Collected data entries:
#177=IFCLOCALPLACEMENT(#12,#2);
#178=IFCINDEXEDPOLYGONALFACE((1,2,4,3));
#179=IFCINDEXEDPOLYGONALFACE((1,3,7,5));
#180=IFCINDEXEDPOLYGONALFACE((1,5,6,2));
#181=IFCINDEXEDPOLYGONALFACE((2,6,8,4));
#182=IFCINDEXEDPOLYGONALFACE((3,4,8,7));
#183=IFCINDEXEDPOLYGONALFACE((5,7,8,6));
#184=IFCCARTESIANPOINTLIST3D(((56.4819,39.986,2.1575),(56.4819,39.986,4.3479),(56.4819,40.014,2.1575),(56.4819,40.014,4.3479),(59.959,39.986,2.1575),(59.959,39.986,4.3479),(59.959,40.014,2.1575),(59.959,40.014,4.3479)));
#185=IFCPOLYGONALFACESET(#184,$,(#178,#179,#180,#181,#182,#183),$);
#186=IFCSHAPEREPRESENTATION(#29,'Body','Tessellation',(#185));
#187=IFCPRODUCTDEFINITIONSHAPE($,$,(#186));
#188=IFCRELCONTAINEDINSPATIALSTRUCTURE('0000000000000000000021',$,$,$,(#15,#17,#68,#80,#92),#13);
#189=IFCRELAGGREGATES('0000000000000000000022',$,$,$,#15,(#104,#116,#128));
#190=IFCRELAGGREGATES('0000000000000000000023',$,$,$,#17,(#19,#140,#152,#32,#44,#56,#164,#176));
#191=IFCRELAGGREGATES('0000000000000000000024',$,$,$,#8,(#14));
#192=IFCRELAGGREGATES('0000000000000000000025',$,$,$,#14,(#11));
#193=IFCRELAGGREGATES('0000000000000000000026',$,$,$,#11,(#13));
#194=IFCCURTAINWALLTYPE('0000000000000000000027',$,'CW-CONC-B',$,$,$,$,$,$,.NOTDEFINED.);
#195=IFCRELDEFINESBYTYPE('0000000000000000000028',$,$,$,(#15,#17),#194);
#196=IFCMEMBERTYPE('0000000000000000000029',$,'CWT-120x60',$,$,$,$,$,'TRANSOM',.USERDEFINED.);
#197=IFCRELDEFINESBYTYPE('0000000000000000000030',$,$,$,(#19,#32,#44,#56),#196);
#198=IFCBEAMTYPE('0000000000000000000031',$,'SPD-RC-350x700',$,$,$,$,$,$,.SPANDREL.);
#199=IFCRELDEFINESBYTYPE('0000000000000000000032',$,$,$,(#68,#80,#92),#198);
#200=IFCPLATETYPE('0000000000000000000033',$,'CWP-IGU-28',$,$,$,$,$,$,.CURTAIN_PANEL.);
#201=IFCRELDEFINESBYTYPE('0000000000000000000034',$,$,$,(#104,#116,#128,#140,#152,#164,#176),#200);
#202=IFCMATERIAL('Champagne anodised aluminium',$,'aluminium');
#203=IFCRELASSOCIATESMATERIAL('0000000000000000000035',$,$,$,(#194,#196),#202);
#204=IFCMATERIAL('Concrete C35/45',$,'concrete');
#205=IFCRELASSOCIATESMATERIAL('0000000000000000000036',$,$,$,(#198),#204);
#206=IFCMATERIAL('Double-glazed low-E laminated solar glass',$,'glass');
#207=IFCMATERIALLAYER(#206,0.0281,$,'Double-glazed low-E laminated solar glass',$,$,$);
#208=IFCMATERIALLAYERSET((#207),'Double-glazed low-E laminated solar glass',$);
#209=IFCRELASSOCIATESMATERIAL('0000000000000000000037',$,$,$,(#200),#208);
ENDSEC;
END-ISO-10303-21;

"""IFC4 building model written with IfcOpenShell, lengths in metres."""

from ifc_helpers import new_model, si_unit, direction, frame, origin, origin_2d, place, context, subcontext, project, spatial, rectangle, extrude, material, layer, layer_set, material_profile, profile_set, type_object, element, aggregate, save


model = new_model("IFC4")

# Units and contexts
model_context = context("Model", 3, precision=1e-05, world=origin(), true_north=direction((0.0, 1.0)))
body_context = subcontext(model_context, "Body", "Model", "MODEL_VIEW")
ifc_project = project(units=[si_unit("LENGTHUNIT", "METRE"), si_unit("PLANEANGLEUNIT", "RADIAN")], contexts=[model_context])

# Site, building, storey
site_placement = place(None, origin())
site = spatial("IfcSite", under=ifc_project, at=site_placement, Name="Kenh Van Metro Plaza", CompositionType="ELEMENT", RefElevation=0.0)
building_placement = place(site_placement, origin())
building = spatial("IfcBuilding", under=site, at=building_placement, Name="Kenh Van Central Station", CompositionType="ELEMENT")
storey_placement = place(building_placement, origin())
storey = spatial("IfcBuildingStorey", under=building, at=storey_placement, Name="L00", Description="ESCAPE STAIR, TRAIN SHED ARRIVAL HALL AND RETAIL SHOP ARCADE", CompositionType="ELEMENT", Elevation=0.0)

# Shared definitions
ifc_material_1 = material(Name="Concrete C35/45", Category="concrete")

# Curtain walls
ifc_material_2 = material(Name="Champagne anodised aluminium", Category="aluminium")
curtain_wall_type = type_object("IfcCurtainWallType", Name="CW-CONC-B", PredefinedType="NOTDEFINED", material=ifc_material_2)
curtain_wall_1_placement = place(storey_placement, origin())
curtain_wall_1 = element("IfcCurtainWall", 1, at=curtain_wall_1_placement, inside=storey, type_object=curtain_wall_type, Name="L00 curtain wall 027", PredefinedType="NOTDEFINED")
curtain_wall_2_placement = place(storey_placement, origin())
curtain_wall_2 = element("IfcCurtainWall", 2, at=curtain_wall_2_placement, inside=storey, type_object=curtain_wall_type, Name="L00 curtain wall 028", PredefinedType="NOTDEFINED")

• _WHAT IS NEEDED_:
Lines with "Category": find them in the data and copy each one.

• _ANSWER FOR THE TASK_:
ifc_material_1 = material(Name="Concrete C35/45", Category="concrete")
ifc_material_2 = material(Name="Champagne anodised aluminium", Category="aluminium")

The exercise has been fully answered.